WHAT YOU WILL DO.
Transcribe word for word the lines below from the line with "#129=IFCPRODUCTDEFINITIONSHAPE($,$,(#128));" through the line with "#136=IFCINDEXEDPOLYGONALFACE((3,4,12,11));", ends included.

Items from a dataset
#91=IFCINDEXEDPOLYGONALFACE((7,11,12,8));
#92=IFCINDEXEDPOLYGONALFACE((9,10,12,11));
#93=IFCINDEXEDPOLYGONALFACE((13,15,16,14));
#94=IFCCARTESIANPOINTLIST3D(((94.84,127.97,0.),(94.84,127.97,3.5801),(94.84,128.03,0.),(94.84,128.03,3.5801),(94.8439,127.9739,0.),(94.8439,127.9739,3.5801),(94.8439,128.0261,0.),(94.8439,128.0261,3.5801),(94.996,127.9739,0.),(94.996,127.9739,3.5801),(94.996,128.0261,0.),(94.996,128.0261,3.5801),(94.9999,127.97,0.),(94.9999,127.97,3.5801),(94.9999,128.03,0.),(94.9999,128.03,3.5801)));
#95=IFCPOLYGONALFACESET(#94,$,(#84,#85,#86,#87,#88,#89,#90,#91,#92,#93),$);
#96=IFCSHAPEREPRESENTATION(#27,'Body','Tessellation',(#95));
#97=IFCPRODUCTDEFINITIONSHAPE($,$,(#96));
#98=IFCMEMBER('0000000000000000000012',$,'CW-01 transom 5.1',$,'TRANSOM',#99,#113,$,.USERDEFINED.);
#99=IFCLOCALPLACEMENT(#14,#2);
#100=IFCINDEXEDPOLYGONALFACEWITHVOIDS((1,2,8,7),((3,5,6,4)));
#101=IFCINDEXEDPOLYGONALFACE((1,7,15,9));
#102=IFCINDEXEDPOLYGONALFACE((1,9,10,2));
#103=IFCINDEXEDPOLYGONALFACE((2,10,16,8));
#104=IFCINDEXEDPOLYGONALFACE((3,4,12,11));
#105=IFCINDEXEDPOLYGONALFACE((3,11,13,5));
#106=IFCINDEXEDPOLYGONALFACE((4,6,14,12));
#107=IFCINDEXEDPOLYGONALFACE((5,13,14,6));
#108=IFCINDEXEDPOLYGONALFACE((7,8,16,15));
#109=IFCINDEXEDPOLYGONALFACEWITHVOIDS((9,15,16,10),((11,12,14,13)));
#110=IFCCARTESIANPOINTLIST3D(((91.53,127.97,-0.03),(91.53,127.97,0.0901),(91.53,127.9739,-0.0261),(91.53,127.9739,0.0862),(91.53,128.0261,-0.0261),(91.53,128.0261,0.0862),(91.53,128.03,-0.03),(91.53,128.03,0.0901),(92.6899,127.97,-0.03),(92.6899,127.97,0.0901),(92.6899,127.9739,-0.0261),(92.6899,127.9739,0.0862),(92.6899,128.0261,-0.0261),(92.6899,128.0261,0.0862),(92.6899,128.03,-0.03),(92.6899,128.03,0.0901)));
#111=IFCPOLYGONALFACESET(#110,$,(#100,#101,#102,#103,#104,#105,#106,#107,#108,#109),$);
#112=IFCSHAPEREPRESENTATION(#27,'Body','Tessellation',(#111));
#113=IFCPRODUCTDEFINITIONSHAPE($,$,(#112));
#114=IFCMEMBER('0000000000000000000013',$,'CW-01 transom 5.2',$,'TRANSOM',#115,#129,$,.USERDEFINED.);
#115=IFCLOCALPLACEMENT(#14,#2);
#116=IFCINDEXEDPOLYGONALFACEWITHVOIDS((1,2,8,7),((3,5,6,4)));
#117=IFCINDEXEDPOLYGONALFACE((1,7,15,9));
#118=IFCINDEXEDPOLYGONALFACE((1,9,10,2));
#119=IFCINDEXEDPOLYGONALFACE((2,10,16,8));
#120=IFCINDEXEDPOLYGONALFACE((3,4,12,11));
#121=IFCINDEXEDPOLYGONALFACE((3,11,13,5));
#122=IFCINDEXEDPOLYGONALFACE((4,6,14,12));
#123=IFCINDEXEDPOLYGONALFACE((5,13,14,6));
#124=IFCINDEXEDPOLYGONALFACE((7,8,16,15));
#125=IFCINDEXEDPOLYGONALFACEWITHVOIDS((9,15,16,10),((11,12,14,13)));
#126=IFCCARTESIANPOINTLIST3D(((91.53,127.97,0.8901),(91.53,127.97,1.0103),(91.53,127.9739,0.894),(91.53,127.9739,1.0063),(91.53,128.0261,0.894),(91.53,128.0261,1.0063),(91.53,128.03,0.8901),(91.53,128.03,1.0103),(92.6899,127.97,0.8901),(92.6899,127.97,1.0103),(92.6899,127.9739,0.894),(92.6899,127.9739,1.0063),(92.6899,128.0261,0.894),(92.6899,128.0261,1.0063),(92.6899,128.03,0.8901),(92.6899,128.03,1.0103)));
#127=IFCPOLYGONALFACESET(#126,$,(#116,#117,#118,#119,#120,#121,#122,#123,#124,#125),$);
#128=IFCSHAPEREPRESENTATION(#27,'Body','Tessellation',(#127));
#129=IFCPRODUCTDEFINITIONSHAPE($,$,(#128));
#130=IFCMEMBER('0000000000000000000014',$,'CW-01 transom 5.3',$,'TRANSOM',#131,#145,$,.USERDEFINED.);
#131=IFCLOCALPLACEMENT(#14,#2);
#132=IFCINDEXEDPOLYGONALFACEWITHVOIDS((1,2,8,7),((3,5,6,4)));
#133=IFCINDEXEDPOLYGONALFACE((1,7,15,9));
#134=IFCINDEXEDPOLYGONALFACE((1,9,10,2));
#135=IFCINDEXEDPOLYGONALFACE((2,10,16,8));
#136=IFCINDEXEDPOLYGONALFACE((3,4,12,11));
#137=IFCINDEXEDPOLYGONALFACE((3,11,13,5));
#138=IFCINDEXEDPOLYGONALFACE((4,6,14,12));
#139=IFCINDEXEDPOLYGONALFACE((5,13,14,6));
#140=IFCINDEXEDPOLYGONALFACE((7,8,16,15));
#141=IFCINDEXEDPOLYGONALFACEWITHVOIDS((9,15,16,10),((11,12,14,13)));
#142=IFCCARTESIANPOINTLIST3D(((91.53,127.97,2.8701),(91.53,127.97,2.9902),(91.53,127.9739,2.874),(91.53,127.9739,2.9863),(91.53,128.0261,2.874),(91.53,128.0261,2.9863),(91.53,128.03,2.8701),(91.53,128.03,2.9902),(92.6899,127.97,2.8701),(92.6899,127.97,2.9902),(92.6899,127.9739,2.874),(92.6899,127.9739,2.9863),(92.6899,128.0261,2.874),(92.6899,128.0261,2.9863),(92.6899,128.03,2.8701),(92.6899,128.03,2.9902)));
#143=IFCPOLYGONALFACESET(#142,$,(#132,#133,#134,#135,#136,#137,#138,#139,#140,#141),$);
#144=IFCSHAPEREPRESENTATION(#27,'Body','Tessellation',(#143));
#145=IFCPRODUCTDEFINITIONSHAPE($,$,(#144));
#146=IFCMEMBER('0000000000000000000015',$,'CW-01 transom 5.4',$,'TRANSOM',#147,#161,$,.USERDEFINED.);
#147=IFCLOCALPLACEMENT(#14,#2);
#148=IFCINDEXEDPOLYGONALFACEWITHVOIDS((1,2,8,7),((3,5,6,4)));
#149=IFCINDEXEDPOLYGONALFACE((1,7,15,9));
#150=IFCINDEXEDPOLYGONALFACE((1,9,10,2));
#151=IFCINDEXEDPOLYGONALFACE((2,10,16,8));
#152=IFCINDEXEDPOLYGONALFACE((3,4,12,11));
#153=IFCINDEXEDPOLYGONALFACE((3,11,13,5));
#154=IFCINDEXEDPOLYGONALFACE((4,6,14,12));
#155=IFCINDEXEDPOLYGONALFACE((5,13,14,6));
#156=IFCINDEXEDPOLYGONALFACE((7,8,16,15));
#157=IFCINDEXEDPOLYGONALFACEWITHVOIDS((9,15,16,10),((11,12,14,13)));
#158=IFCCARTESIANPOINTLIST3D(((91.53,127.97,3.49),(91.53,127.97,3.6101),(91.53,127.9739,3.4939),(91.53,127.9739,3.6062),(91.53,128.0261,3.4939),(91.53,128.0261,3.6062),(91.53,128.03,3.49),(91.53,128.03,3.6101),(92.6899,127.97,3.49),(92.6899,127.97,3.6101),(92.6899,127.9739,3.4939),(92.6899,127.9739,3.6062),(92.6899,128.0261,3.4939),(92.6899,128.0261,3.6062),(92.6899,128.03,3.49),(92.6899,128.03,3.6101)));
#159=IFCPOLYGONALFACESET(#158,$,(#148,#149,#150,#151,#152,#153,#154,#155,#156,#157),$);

EXERCISE RESULT.
#129=IFCPRODUCTDEFINITIONSHAPE($,$,(#128));
#130=IFCMEMBER('0000000000000000000014',$,'CW-01 transom 5.3',$,'TRANSOM',#131,#145,$,.USERDEFINED.);
#131=IFCLOCALPLACEMENT(#14,#2);
#132=IFCINDEXEDPOLYGONALFACEWITHVOIDS((1,2,8,7),((3,5,6,4)));
#133=IFCINDEXEDPOLYGONALFACE((1,7,15,9));
#134=IFCINDEXEDPOLYGONALFACE((1,9,10,2));
#135=IFCINDEXEDPOLYGONALFACE((2,10,16,8));
#136=IFCINDEXEDPOLYGONALFACE((3,4,12,11));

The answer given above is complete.